**ABOUT THIS EXERCISE:** Output only the lines below from the one containing "#166=IFCMATERIAL('Structural steel Q355C',$,'steel');" to the one containing "site_placement = place(None, origin())", exactly as written, both ends kept.

---------- DATA FOR THE TASK

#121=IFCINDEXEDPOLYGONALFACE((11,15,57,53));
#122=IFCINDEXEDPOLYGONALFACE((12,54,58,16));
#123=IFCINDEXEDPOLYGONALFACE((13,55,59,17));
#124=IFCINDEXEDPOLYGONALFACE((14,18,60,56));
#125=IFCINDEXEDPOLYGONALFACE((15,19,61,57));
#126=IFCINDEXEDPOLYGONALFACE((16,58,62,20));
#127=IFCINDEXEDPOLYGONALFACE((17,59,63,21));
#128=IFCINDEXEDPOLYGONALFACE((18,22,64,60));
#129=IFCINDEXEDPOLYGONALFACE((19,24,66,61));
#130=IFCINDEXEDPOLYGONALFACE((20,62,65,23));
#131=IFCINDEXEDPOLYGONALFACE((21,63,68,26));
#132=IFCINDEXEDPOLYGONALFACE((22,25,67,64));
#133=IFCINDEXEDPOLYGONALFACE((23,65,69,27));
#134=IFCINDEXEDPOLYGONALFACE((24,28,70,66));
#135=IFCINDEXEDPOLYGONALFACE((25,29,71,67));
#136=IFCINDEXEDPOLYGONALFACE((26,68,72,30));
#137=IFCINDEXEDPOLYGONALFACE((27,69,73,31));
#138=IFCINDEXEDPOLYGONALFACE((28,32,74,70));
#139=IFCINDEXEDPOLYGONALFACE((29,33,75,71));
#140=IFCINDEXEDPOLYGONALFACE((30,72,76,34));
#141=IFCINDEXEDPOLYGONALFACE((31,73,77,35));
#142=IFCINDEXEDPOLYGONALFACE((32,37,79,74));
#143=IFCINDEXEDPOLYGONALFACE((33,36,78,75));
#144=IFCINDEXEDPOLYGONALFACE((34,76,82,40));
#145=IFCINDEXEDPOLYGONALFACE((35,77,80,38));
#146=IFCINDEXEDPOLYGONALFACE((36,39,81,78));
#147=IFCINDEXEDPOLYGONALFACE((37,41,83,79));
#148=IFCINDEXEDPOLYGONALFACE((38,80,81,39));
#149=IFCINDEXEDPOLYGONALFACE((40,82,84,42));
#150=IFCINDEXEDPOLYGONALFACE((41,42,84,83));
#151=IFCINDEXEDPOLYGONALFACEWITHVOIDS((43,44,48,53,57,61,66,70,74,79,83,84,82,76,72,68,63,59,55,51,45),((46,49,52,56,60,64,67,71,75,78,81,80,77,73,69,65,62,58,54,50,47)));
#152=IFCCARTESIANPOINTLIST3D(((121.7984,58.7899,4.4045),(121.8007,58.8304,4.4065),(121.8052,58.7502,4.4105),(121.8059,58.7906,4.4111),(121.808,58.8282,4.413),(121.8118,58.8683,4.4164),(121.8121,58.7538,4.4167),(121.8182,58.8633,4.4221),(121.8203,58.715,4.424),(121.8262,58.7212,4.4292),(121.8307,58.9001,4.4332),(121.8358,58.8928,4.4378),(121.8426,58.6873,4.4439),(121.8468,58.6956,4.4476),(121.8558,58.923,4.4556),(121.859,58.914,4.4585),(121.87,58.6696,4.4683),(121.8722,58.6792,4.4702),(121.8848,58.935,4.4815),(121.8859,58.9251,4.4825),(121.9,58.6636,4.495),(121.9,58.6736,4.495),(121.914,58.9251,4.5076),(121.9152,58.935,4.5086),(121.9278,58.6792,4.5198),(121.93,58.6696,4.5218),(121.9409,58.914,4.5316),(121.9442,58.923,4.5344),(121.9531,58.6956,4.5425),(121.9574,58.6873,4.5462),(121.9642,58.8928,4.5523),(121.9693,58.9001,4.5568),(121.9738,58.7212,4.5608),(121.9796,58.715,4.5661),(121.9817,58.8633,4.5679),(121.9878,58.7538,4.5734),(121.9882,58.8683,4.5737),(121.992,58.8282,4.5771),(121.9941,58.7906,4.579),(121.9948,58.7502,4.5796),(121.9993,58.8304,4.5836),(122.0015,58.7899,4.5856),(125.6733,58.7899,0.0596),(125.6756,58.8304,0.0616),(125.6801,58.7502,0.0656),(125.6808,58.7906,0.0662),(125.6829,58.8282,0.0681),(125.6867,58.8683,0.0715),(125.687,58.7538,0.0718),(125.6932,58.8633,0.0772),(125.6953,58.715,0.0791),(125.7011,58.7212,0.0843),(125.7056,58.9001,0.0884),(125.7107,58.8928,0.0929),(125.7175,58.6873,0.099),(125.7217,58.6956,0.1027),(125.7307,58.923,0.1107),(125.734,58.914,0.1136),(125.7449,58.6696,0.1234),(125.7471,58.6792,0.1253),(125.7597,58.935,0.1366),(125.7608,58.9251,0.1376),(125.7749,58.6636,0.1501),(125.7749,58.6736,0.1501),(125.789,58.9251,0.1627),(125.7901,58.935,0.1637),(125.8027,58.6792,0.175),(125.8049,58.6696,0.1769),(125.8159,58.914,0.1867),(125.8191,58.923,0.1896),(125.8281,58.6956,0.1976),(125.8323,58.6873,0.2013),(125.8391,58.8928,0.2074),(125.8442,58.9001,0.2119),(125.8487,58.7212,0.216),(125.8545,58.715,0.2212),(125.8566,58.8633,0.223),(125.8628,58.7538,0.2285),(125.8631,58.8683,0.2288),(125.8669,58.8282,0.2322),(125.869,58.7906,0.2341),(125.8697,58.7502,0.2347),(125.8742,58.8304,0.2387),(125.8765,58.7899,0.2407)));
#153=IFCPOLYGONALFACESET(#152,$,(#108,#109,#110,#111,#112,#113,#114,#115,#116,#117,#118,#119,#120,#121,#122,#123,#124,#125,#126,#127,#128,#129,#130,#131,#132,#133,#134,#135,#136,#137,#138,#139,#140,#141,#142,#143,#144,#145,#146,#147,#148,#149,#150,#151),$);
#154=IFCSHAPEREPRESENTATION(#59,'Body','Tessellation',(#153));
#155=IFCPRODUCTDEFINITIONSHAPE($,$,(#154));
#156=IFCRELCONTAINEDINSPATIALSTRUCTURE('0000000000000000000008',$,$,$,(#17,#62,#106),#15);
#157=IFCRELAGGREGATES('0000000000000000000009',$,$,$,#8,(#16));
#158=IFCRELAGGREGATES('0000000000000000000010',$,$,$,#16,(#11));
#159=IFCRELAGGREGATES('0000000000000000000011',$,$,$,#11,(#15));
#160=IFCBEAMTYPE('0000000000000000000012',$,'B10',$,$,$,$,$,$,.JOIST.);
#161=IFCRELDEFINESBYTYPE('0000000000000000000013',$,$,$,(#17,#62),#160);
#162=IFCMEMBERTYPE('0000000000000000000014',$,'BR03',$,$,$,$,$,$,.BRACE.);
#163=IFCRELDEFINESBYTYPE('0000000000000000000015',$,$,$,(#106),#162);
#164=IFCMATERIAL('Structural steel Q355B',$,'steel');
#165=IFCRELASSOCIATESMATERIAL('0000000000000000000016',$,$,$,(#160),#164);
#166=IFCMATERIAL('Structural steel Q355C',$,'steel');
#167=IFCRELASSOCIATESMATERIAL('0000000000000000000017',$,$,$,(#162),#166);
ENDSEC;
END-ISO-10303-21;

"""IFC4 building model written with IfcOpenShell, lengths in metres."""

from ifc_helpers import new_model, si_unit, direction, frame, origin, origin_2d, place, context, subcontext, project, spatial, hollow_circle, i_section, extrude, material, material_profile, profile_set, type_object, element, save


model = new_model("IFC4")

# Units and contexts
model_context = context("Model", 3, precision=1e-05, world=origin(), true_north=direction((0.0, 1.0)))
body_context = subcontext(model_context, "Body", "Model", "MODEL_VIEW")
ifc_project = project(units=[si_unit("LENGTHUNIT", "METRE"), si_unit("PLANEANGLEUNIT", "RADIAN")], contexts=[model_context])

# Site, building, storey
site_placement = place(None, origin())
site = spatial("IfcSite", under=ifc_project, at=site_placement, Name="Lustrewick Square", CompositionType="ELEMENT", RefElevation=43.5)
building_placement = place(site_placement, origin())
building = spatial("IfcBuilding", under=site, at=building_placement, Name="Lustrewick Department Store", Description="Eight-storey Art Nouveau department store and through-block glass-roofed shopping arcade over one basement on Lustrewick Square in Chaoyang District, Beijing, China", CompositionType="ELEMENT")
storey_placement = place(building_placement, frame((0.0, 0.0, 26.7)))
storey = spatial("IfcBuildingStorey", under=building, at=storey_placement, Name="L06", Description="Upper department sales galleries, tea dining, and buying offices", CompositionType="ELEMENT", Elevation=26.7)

--------------------

**SOLUTION BELOW:**
#166=IFCMATERIAL('Structural steel Q355C',$,'steel');
#167=IFCRELASSOCIATESMATERIAL('0000000000000000000017',$,$,$,(#162),#166);
ENDSEC;
END-ISO-10303-21;

"""IFC4 building model written with IfcOpenShell, lengths in metres."""

from ifc_helpers import new_model, si_unit, direction, frame, origin, origin_2d, place, context, subcontext, project, spatial, hollow_circle, i_section, extrude, material, material_profile, profile_set, type_object, element, save


model = new_model("IFC4")

# Units and contexts
model_context = context("Model", 3, precision=1e-05, world=origin(), true_north=direction((0.0, 1.0)))
body_context = subcontext(model_context, "Body", "Model", "MODEL_VIEW")
ifc_project = project(units=[si_unit("LENGTHUNIT", "METRE"), si_unit("PLANEANGLEUNIT", "RADIAN")], contexts=[model_context])

# Site, building, storey
site_placement = place(None, origin())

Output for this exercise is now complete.